* _ENTRIES SHOWN_
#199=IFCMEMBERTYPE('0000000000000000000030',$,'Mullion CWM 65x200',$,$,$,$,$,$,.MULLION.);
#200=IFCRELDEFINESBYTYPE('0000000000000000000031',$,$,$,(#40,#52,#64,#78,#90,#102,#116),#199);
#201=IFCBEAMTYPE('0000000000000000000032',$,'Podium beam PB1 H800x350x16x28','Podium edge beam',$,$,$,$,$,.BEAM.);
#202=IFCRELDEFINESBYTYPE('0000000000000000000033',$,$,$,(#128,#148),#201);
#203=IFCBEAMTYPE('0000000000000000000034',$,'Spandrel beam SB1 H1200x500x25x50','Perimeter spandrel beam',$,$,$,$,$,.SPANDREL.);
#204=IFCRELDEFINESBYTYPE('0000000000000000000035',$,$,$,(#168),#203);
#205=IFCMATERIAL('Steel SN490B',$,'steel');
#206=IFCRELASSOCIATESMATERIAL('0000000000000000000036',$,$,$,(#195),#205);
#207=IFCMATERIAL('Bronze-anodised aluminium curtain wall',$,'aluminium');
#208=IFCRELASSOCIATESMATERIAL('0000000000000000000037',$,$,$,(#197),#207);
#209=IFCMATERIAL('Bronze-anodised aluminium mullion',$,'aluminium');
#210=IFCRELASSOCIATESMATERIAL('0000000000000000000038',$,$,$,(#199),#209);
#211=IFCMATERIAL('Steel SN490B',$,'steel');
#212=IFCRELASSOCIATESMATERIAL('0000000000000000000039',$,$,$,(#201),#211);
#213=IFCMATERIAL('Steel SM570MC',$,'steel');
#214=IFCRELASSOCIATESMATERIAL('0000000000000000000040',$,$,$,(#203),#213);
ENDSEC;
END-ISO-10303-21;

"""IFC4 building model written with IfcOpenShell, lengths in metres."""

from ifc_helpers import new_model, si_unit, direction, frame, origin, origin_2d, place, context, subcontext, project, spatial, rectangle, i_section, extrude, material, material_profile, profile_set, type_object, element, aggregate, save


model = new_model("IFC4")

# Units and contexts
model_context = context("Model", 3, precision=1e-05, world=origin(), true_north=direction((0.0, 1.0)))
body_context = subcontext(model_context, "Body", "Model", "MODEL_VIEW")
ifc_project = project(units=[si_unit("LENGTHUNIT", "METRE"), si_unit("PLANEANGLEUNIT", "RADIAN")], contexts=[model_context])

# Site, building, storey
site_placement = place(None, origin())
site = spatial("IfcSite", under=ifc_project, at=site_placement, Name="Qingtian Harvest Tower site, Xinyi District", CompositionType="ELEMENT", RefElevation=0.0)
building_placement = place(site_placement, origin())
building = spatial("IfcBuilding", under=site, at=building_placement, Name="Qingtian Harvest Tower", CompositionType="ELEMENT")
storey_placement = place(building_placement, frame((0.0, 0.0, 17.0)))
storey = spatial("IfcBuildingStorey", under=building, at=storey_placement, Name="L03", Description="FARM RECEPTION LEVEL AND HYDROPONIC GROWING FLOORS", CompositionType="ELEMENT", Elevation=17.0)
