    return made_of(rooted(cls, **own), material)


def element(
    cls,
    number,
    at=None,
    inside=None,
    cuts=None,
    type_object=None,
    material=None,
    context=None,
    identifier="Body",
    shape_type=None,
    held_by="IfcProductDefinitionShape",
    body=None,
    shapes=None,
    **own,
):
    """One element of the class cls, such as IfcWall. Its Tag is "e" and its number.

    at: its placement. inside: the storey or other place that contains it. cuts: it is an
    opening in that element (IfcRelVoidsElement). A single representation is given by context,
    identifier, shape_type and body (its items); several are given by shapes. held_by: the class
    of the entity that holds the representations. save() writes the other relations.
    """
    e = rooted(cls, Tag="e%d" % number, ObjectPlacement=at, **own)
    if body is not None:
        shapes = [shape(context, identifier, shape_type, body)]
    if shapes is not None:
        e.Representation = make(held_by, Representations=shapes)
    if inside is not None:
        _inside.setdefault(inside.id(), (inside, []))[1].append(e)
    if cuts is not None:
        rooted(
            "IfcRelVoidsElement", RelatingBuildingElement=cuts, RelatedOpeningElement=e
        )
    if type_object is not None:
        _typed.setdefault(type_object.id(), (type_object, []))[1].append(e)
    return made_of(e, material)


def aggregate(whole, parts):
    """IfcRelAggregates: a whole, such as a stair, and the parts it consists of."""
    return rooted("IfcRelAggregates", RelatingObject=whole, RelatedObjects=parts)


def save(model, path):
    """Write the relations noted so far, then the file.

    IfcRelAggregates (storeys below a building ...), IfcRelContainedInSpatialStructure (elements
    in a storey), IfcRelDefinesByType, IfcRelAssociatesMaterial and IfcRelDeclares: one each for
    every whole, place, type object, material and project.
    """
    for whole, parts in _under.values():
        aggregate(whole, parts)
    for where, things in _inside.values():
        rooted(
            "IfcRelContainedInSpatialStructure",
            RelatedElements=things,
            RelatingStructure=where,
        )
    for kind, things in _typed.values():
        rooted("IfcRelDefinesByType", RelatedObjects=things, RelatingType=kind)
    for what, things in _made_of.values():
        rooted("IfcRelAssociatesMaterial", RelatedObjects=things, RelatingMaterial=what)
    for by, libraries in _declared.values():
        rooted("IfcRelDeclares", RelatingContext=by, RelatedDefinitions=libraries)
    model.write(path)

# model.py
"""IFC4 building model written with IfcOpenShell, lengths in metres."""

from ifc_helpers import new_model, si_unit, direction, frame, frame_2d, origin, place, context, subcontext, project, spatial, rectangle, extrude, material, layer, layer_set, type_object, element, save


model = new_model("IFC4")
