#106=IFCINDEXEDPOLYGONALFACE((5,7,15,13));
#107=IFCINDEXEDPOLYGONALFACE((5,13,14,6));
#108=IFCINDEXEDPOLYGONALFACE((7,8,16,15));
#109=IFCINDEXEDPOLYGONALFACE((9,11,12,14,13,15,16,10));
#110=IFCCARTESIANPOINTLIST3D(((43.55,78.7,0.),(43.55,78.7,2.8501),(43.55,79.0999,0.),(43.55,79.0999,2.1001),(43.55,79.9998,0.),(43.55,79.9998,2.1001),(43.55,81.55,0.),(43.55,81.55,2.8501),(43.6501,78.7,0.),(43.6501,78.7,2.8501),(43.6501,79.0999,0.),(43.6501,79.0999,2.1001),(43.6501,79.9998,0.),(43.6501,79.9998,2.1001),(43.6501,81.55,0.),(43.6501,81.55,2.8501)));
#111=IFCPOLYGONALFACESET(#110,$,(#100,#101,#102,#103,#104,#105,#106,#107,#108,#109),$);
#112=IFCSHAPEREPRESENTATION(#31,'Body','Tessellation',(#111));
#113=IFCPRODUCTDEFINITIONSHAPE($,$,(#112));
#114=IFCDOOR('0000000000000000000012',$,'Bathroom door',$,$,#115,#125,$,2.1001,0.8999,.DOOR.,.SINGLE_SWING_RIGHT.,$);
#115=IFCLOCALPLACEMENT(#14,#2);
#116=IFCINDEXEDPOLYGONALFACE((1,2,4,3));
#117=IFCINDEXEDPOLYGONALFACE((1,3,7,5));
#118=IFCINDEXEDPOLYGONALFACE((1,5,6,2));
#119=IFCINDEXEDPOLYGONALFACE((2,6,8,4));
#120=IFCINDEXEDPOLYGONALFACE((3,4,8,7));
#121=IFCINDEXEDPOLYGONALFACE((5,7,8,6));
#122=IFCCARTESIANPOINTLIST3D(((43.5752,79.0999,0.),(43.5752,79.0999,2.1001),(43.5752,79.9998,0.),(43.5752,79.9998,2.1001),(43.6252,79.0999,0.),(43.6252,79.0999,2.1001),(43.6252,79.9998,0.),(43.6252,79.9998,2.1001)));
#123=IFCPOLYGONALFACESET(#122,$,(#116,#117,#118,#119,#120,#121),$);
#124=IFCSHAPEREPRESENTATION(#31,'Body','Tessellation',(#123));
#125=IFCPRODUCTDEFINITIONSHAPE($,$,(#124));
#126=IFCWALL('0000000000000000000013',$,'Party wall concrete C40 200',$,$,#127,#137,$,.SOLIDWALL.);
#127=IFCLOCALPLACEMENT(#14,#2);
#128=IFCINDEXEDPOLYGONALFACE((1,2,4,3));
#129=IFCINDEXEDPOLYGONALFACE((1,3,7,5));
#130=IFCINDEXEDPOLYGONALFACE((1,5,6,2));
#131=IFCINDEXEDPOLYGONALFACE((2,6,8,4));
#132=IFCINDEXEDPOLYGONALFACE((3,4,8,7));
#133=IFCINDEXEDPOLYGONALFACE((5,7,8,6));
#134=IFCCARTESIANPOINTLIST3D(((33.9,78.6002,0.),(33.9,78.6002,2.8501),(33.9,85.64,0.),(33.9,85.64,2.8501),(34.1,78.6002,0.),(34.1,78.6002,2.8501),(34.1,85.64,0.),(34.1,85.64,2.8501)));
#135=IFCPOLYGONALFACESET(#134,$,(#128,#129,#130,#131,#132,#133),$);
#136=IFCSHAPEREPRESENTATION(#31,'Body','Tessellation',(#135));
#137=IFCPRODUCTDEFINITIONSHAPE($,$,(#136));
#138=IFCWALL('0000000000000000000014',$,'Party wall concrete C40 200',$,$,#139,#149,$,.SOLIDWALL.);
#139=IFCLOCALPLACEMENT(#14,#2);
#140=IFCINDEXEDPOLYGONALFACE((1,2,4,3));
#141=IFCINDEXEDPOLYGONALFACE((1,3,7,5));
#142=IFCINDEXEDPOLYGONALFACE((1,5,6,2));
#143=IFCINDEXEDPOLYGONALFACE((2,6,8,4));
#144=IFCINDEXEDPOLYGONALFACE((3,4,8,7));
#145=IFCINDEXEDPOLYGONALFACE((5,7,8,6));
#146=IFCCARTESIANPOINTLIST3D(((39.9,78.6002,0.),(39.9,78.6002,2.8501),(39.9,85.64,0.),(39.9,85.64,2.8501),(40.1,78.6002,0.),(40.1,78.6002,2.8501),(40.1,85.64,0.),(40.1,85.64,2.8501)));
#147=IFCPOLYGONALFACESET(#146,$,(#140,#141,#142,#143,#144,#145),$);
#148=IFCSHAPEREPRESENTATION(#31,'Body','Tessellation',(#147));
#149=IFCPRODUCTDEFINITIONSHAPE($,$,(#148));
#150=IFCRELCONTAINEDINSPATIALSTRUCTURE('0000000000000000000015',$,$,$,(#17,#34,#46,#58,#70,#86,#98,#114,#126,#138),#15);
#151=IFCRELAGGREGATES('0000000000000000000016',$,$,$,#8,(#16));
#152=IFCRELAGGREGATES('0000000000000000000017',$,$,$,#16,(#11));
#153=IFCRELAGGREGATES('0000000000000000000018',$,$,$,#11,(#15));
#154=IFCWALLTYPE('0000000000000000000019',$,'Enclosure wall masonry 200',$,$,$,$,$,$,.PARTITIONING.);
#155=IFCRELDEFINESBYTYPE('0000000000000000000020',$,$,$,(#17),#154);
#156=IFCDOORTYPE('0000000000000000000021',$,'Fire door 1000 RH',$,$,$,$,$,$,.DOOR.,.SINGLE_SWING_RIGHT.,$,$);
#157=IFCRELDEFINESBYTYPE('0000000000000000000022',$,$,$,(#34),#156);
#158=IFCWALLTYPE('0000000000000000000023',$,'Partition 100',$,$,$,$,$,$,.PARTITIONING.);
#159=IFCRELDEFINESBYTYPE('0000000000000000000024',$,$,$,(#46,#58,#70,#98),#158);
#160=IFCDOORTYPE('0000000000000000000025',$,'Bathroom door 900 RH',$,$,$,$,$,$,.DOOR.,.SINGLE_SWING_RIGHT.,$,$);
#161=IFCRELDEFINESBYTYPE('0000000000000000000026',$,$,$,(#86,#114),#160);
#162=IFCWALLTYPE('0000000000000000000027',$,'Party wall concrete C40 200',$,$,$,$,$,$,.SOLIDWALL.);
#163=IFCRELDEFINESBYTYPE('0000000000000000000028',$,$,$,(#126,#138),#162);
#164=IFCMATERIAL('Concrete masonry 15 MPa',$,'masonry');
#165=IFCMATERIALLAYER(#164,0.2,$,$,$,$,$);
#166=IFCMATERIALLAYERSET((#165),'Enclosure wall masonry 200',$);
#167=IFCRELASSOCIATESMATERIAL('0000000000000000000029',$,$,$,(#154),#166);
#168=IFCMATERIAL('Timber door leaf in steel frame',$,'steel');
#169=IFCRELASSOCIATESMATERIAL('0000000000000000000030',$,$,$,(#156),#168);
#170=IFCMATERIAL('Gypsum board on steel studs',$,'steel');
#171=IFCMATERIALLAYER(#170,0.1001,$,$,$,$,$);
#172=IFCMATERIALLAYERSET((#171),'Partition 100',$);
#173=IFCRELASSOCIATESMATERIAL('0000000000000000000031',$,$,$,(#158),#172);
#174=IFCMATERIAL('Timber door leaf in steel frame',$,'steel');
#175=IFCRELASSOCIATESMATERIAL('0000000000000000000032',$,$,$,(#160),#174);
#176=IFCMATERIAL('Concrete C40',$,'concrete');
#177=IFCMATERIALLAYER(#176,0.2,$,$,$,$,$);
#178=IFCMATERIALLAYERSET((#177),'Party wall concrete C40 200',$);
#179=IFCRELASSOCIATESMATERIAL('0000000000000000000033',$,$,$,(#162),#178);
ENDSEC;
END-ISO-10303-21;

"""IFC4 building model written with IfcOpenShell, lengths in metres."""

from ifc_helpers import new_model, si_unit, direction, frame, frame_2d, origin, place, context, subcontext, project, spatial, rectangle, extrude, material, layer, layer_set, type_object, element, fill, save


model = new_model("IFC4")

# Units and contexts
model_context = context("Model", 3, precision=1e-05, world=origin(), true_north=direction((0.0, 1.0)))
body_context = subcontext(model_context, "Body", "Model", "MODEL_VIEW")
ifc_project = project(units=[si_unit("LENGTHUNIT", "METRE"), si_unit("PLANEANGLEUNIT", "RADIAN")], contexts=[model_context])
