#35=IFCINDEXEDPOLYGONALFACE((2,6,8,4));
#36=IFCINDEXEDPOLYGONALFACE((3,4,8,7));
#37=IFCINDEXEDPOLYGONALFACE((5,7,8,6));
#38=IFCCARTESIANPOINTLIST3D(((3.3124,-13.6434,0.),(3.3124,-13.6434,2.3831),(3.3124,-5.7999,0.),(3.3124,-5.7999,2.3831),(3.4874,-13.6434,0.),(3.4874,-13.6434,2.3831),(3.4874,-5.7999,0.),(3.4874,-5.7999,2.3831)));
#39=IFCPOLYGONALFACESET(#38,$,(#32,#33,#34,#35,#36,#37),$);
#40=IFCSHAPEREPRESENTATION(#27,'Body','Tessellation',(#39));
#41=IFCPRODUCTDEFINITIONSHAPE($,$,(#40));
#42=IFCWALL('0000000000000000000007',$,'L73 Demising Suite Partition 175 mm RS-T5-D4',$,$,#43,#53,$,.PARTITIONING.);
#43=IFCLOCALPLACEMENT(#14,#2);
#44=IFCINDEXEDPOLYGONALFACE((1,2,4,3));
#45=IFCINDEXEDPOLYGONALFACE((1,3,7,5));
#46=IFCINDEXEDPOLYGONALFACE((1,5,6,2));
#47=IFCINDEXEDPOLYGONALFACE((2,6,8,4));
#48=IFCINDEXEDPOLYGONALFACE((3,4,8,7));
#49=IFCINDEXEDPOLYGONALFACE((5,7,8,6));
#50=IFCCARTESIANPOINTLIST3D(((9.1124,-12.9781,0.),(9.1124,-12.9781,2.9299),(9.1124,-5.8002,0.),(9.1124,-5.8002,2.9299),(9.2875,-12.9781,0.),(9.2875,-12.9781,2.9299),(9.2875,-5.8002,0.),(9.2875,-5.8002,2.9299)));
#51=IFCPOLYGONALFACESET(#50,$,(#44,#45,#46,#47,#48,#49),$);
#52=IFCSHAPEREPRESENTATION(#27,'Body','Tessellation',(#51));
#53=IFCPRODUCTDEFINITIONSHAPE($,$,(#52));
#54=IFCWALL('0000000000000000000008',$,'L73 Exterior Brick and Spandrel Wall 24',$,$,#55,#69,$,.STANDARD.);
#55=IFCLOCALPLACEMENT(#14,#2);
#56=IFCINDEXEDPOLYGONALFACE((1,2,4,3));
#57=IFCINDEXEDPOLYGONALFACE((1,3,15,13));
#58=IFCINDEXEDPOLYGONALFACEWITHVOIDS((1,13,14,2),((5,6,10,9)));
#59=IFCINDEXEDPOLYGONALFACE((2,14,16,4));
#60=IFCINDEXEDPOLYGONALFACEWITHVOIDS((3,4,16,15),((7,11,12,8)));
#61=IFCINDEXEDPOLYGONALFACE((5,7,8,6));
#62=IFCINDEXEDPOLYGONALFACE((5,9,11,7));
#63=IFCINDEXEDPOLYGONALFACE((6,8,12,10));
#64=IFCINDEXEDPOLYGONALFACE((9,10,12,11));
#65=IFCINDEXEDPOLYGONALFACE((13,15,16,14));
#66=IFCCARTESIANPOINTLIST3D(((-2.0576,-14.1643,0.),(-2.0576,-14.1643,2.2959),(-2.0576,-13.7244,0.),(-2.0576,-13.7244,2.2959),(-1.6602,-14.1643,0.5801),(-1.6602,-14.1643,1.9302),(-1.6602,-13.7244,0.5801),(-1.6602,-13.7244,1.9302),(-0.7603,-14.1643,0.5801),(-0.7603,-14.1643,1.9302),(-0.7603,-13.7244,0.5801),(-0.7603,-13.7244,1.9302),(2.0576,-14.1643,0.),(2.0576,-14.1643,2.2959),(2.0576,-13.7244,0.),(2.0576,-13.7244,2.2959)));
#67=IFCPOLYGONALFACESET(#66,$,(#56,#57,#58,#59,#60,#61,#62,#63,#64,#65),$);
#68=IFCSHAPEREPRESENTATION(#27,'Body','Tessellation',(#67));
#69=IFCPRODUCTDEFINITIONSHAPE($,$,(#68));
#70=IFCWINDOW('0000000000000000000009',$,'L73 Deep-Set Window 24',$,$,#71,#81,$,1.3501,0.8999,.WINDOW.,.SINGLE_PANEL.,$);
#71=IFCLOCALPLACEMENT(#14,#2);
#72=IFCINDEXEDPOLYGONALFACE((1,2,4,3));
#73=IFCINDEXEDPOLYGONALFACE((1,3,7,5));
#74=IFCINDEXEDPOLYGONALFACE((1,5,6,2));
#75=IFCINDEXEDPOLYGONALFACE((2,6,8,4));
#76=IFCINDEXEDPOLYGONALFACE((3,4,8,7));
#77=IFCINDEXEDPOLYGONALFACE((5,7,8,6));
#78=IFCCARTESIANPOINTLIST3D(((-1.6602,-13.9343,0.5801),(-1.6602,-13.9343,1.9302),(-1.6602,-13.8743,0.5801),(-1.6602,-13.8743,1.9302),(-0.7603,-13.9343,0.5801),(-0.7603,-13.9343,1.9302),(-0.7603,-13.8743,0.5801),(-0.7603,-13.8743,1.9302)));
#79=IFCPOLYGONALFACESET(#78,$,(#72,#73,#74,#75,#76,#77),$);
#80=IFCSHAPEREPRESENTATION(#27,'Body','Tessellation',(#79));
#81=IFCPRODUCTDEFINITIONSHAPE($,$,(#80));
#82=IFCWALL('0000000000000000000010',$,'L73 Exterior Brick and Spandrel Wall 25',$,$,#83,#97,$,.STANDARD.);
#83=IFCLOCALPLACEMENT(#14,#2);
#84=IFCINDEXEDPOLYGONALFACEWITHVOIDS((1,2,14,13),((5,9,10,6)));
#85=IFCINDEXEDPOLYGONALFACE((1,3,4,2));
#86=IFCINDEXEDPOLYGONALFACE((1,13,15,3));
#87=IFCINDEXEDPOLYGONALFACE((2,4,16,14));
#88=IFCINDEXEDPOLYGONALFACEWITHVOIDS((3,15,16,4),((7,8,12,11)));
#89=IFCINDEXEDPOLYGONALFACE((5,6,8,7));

* _WORK ORDER_
Only one stretch of the entries above is wanted: the lines from the one containing "#119=IFCINDEXEDPOLYGONALFACE((2,6,8,4));" through the one containing "#121=IFCINDEXEDPOLYGONALFACE((5,7,8,6));". Please reproduce it exactly.

* _RESPONSE AREA_
#119=IFCINDEXEDPOLYGONALFACE((2,6,8,4));
#120=IFCINDEXEDPOLYGONALFACE((3,4,8,7));
#121=IFCINDEXEDPOLYGONALFACE((5,7,8,6));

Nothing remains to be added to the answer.